GIVEN DATA:

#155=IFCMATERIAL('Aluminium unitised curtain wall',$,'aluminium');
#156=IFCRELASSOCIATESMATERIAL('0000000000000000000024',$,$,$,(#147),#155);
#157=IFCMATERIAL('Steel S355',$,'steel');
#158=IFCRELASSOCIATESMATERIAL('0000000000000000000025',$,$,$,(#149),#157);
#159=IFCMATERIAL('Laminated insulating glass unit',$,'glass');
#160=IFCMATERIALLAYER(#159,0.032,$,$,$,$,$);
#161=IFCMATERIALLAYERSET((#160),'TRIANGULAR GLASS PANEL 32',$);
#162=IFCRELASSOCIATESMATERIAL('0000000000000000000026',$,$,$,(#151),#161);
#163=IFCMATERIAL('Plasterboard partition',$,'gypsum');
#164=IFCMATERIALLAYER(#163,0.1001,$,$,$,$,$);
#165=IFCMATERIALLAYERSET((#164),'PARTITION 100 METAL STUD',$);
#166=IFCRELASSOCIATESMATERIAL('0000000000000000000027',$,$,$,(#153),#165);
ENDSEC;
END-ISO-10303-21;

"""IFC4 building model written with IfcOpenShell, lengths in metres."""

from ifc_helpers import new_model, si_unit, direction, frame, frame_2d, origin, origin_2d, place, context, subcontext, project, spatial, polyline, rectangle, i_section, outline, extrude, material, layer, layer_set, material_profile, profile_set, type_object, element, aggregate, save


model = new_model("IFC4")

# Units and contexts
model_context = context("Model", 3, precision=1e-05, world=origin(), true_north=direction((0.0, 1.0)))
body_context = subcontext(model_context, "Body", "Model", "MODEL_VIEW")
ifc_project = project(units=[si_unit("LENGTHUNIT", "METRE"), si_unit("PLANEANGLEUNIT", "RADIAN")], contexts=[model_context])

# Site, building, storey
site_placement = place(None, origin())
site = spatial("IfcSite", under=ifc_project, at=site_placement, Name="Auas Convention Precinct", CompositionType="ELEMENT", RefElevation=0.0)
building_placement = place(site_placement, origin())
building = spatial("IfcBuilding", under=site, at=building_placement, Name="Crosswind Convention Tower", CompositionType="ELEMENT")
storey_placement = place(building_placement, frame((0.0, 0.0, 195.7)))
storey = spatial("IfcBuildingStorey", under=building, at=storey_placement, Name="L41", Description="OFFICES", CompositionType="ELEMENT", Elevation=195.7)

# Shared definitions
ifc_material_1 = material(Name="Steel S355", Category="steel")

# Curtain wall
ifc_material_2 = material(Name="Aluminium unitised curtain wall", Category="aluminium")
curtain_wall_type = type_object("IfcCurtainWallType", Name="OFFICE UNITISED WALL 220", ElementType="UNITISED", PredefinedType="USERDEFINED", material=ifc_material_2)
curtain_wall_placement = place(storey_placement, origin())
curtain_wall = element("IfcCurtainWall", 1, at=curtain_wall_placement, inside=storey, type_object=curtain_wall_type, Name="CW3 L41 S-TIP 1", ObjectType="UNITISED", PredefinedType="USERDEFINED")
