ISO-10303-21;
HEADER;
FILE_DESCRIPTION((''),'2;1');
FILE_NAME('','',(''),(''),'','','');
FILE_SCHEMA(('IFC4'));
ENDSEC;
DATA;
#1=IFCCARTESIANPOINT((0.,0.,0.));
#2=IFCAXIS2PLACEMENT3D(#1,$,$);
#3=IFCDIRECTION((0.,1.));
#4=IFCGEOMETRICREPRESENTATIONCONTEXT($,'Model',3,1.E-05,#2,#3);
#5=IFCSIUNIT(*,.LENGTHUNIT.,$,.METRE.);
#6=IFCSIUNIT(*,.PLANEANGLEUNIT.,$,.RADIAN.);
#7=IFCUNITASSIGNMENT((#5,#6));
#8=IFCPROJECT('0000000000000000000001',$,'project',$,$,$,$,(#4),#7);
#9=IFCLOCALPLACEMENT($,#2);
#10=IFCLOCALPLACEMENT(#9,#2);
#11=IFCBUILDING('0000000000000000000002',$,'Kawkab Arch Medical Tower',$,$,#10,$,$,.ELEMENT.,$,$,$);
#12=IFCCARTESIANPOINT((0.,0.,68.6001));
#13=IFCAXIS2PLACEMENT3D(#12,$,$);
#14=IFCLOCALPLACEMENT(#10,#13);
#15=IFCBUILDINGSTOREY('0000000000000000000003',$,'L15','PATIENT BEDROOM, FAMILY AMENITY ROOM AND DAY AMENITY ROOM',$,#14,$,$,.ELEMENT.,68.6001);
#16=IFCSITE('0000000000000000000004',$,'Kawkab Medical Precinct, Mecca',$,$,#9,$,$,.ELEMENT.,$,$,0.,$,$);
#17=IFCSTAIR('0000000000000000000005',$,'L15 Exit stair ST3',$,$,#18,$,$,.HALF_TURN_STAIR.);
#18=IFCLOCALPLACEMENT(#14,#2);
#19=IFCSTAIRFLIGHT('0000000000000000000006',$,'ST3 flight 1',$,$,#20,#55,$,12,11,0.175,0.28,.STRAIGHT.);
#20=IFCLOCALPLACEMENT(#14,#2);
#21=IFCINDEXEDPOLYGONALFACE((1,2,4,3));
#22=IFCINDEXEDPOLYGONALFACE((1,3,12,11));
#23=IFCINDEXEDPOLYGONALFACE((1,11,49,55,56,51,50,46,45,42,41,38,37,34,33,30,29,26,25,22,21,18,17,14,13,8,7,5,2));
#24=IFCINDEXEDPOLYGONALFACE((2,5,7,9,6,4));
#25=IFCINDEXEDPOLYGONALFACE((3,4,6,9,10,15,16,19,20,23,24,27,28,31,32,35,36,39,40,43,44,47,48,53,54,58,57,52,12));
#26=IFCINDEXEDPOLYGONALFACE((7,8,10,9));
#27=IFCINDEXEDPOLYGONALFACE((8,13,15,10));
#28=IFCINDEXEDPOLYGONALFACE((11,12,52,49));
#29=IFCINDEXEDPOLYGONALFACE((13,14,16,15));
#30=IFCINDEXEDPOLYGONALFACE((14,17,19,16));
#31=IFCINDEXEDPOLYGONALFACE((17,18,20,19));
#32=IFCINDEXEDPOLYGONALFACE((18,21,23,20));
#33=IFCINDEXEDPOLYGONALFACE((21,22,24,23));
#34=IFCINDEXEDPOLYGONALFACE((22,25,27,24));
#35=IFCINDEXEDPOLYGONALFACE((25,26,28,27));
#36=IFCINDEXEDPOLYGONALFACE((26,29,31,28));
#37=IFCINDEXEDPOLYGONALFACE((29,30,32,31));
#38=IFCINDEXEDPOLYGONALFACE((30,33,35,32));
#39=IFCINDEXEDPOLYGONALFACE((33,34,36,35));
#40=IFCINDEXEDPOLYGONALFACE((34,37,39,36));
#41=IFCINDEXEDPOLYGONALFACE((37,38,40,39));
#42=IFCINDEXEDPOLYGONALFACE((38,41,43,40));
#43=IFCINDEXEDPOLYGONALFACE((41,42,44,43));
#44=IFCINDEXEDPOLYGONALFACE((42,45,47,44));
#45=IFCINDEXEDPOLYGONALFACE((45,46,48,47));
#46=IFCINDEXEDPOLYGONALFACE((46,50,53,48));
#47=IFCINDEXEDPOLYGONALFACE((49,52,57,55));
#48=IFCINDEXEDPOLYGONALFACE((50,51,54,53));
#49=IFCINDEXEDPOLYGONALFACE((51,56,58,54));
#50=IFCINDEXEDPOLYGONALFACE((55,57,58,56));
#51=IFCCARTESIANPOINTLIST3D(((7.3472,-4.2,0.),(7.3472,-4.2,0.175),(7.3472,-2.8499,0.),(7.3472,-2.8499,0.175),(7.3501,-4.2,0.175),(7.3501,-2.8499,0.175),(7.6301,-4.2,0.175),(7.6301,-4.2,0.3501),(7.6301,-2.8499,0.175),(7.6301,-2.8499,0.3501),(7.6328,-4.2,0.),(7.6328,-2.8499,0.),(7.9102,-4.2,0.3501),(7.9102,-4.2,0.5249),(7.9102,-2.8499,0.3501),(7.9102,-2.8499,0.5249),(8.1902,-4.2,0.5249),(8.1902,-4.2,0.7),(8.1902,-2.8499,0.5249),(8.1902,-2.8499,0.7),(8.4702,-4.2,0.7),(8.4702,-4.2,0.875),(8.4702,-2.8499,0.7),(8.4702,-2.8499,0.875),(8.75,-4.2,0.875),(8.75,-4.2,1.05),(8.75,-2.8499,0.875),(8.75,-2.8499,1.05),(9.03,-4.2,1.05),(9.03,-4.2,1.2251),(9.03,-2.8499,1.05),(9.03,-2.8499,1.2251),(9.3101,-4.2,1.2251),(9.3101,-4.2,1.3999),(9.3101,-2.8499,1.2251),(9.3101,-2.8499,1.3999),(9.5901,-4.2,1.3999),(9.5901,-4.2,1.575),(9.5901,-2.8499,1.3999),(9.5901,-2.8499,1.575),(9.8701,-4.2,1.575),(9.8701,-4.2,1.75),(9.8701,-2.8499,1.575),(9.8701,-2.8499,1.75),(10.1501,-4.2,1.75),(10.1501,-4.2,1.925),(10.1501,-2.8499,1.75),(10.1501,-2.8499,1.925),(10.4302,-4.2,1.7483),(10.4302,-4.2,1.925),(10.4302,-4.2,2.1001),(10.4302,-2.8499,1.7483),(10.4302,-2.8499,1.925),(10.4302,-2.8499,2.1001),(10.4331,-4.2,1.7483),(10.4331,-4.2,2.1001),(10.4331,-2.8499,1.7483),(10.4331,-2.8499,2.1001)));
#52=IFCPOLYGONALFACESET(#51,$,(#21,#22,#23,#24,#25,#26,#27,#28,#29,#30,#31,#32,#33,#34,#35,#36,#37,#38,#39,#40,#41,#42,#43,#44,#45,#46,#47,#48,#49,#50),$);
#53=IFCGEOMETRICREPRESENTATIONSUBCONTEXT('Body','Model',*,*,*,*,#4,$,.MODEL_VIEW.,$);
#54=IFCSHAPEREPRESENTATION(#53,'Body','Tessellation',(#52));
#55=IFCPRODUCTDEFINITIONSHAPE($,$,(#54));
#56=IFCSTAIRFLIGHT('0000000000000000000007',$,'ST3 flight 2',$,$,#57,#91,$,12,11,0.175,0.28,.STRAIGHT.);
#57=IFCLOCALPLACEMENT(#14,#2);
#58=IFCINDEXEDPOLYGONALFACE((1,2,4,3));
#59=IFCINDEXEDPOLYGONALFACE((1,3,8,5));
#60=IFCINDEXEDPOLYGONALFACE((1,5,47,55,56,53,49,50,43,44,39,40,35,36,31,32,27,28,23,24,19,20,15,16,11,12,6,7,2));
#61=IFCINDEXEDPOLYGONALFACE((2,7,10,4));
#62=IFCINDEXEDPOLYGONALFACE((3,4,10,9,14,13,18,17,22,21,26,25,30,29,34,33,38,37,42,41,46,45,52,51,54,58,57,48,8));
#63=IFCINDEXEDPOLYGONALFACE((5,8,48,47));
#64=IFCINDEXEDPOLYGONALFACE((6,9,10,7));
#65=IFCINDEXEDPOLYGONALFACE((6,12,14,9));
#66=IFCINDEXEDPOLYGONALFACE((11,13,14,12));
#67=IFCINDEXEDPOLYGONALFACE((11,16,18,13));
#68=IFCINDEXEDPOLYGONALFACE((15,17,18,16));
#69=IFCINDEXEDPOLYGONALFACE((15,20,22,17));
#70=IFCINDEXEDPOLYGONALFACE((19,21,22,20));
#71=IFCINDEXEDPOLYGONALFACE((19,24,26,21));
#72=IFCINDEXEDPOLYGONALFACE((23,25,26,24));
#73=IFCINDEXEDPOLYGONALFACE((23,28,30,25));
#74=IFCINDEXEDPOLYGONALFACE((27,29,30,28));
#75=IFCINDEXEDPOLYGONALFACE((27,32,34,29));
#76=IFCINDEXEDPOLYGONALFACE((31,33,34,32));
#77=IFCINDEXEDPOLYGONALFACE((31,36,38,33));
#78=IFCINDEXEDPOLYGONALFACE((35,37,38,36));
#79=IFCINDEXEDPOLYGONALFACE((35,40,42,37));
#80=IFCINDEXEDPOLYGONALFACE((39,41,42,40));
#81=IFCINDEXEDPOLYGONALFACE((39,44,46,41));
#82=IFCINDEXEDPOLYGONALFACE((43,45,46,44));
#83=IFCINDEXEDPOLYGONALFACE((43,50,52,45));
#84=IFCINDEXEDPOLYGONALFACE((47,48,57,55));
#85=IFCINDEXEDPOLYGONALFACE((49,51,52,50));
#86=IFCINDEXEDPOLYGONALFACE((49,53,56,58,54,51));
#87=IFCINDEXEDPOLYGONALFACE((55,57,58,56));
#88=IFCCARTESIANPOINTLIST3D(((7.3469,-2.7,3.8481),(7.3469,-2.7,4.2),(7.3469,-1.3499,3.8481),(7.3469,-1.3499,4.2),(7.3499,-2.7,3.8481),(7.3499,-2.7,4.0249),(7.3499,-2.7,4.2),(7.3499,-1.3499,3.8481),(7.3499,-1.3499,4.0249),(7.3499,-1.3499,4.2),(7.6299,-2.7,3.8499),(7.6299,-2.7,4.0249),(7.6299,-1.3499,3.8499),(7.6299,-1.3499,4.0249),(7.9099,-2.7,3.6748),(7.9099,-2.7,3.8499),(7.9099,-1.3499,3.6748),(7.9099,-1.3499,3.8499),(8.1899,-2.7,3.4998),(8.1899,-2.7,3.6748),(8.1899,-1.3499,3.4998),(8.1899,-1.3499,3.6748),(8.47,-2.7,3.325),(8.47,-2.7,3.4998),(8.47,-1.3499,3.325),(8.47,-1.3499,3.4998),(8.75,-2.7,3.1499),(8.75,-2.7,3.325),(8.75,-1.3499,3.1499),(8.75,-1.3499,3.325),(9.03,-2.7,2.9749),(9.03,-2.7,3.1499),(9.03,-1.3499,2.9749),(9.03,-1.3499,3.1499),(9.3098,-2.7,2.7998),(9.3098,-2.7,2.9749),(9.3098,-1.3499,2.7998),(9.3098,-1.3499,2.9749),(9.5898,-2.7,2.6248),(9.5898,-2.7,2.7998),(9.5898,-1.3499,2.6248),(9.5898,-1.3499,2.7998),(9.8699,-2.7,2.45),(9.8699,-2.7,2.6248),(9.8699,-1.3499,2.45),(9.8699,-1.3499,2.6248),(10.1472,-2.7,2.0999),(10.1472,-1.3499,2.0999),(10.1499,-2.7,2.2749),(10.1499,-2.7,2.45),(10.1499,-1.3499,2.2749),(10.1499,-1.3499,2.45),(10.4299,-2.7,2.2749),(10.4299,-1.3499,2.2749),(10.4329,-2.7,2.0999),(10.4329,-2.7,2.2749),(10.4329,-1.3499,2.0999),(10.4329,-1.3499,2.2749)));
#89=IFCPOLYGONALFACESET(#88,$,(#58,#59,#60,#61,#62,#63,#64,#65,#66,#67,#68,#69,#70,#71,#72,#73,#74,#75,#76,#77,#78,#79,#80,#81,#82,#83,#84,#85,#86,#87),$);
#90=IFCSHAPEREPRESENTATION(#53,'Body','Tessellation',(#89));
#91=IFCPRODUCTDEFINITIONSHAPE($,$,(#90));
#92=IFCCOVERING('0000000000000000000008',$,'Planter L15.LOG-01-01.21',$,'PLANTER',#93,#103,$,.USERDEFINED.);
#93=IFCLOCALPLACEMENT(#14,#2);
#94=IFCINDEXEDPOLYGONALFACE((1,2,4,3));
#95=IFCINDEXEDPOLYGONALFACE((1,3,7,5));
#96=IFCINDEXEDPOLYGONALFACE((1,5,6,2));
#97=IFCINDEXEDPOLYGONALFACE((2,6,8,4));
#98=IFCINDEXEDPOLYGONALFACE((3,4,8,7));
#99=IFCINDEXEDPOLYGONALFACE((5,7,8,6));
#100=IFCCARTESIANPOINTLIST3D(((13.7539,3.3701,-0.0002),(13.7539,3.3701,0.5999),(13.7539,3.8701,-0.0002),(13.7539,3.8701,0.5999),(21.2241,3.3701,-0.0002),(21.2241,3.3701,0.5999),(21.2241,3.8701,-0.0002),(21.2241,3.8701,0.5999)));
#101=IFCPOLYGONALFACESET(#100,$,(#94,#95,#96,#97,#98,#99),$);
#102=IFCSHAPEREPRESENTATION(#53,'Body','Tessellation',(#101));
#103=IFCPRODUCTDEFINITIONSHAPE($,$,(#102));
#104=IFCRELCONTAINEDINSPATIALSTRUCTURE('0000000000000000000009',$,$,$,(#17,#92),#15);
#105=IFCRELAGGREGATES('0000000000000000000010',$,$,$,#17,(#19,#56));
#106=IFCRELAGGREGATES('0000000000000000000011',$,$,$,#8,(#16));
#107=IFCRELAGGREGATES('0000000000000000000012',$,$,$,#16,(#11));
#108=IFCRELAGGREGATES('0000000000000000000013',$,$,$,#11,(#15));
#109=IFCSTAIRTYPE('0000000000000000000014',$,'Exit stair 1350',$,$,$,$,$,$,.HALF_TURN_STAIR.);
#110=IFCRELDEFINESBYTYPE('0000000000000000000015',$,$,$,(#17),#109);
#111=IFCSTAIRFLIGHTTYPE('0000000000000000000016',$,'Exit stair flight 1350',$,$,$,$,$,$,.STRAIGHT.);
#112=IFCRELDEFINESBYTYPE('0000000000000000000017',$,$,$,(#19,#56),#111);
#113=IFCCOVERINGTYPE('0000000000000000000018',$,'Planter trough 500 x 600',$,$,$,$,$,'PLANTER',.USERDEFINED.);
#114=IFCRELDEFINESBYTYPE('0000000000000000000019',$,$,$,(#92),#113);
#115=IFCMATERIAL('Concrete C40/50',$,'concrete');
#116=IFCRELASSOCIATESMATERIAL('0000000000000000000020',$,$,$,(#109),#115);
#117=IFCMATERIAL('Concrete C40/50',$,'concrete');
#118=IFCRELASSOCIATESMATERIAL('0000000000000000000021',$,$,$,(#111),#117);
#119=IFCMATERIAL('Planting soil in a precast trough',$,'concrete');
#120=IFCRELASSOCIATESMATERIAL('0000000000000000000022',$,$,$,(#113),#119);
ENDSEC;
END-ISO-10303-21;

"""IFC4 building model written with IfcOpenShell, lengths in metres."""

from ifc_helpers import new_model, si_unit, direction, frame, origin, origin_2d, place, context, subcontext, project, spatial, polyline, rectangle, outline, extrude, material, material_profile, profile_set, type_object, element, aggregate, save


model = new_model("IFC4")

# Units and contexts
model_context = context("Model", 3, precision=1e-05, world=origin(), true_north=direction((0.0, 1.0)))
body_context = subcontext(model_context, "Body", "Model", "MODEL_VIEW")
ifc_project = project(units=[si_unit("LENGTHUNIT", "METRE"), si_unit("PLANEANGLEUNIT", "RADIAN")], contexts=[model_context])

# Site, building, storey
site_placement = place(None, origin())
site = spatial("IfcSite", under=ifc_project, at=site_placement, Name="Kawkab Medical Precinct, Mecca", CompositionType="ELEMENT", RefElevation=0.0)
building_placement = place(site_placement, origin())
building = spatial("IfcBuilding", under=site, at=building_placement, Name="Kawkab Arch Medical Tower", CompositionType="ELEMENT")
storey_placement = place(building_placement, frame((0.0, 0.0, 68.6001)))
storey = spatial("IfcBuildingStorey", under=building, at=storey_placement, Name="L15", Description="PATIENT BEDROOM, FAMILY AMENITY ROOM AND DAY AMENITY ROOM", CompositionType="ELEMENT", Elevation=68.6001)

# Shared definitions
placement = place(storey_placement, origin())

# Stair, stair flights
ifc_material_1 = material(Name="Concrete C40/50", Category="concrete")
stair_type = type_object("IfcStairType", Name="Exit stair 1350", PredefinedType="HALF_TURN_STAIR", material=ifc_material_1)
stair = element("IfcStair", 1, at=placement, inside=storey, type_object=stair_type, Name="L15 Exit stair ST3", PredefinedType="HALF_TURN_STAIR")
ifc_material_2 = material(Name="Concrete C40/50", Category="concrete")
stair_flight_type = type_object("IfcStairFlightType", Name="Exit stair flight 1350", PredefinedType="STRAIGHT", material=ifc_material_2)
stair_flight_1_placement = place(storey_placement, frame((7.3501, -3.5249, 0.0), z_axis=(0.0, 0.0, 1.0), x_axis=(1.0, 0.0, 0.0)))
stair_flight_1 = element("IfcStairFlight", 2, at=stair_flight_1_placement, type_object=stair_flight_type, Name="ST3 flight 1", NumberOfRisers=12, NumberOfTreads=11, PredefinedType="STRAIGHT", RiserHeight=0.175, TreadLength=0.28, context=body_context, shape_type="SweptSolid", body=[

ABOUT THIS EXERCISE: Wherever the string "Planter" occurs in the records, copy the line it is in.

SOLUTION TO THE PROBLEM:
#92=IFCCOVERING('0000000000000000000008',$,'Planter L15.LOG-01-01.21',$,'PLANTER',#93,#103,$,.USERDEFINED.);
#113=IFCCOVERINGTYPE('0000000000000000000018',$,'Planter trough 500 x 600',$,$,$,$,$,'PLANTER',.USERDEFINED.);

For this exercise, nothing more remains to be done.